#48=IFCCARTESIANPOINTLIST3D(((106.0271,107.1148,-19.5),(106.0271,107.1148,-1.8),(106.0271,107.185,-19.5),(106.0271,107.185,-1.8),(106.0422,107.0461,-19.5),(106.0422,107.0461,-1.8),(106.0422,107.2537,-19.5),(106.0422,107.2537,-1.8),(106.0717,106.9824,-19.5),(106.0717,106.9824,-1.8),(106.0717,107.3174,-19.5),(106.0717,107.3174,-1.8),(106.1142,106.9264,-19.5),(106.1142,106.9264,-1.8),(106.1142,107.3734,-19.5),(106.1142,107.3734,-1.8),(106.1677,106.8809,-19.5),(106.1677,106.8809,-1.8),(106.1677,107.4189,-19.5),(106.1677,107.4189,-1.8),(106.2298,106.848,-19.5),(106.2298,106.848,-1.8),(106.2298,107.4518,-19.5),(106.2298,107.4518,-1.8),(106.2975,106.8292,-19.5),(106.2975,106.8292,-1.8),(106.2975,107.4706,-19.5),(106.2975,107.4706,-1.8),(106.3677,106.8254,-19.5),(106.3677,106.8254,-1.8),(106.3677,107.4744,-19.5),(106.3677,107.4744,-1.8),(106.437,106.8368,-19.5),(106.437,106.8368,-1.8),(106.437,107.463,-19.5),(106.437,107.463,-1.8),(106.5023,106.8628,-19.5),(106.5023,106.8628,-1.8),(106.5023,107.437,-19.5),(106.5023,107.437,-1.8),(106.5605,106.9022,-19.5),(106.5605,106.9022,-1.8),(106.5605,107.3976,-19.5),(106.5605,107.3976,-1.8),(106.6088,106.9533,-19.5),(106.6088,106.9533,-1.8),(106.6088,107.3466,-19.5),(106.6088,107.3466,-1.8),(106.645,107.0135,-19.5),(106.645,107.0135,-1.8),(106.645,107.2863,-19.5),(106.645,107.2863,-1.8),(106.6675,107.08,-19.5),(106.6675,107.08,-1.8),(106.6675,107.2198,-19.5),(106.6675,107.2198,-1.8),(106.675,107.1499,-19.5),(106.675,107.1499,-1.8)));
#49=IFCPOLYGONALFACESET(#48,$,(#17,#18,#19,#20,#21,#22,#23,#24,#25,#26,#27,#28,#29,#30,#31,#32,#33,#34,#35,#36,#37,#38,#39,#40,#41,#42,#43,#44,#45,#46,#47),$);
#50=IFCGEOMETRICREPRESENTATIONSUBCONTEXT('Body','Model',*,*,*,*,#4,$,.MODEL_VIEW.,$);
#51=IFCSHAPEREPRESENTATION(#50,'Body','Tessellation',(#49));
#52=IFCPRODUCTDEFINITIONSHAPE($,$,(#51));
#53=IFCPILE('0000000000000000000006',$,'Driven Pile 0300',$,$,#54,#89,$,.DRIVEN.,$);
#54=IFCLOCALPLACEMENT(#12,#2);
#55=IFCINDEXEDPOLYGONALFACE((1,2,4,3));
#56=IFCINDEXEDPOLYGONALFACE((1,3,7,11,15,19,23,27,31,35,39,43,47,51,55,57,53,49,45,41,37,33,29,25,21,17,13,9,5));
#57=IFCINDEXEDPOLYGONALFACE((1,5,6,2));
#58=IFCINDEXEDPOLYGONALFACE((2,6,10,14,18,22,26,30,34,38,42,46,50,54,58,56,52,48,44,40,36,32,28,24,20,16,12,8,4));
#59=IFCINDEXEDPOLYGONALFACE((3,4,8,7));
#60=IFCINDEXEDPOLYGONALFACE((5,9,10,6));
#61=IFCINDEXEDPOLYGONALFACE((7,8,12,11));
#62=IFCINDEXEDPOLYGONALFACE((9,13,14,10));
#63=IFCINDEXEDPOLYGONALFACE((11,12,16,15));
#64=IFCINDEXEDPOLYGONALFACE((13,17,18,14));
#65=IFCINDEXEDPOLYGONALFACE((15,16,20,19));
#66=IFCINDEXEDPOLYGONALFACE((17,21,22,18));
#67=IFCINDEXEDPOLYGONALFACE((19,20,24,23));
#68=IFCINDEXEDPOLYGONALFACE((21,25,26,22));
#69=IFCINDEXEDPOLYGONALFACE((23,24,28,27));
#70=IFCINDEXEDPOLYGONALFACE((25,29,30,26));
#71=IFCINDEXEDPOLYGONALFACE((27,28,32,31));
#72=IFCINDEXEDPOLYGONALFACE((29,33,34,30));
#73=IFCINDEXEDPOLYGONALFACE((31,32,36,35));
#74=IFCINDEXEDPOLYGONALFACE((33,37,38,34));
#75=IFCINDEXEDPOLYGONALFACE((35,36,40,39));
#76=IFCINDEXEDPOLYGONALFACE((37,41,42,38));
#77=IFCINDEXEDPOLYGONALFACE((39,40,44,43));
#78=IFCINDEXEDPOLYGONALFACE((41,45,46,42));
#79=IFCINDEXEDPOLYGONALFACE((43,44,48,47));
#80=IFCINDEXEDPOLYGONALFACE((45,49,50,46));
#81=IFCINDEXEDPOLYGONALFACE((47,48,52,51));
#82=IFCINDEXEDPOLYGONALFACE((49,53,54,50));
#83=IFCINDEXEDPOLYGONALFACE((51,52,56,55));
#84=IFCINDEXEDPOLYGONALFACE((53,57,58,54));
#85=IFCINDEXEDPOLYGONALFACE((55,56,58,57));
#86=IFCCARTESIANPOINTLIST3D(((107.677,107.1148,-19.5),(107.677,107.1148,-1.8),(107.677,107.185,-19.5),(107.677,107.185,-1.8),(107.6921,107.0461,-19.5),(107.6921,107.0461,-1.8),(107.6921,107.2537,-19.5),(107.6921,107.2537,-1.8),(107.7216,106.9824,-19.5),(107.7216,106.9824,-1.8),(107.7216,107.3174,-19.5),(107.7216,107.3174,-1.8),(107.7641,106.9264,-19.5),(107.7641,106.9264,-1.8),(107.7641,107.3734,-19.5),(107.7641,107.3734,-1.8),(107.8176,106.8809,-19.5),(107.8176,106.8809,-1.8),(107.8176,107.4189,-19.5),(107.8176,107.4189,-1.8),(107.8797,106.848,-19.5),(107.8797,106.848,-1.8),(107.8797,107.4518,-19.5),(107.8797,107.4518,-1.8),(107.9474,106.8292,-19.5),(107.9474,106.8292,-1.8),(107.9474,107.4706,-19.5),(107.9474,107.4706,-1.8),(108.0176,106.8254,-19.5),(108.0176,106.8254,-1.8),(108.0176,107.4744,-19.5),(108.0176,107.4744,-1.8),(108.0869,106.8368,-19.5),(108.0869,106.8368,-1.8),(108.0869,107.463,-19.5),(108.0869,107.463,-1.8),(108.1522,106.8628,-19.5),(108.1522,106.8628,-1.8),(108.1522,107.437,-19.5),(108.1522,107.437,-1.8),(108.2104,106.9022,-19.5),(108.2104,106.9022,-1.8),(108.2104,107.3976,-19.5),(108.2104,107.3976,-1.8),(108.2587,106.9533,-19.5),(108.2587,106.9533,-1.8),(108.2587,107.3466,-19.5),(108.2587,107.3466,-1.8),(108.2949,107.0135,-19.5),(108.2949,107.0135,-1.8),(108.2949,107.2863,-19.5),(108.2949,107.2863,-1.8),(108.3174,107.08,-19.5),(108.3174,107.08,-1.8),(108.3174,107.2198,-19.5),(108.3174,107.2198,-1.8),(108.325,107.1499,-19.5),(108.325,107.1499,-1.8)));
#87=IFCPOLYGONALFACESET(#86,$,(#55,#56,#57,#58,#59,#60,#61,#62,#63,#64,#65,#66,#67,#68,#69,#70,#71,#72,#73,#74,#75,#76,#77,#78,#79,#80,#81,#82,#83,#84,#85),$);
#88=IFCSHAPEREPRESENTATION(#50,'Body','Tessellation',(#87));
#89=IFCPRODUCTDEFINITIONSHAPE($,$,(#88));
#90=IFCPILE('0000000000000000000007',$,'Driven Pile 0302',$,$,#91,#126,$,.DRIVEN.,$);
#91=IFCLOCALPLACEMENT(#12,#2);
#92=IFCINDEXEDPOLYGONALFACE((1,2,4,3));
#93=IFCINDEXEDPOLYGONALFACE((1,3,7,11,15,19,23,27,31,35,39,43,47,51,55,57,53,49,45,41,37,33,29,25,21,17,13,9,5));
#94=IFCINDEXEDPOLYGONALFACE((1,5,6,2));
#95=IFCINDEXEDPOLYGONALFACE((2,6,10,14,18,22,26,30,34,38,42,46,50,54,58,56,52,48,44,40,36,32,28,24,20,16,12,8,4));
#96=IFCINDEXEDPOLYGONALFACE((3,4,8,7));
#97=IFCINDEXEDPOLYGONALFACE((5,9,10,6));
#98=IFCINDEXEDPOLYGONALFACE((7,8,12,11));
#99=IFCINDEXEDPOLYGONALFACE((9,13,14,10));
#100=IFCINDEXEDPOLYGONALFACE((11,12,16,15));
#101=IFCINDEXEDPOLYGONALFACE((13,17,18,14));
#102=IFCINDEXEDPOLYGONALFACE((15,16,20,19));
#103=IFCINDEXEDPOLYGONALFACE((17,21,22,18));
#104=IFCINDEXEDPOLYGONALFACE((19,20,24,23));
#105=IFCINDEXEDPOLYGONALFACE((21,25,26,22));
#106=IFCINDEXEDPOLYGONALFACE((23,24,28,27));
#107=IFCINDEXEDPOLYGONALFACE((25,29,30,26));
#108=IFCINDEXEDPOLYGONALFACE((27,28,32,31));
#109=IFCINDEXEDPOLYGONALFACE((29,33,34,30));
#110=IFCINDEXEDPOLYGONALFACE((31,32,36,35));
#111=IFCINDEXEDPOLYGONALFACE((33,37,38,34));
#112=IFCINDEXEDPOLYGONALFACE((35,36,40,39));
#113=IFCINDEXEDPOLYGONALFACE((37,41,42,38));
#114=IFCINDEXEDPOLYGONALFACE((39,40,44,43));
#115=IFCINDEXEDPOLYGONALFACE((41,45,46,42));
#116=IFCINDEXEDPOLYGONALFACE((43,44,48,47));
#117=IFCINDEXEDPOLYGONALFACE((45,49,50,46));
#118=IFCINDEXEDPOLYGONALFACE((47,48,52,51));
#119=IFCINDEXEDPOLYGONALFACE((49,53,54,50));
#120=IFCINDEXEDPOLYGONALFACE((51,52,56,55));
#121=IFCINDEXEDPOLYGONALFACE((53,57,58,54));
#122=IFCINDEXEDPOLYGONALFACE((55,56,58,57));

________

=== Aim of the task ===
What lines of the listing above hold "Pile"? Copy all of them.

=== Finished exercise ===
#53=IFCPILE('0000000000000000000006',$,'Driven Pile 0300',$,$,#54,#89,$,.DRIVEN.,$);
#90=IFCPILE('0000000000000000000007',$,'Driven Pile 0302',$,$,#91,#126,$,.DRIVEN.,$);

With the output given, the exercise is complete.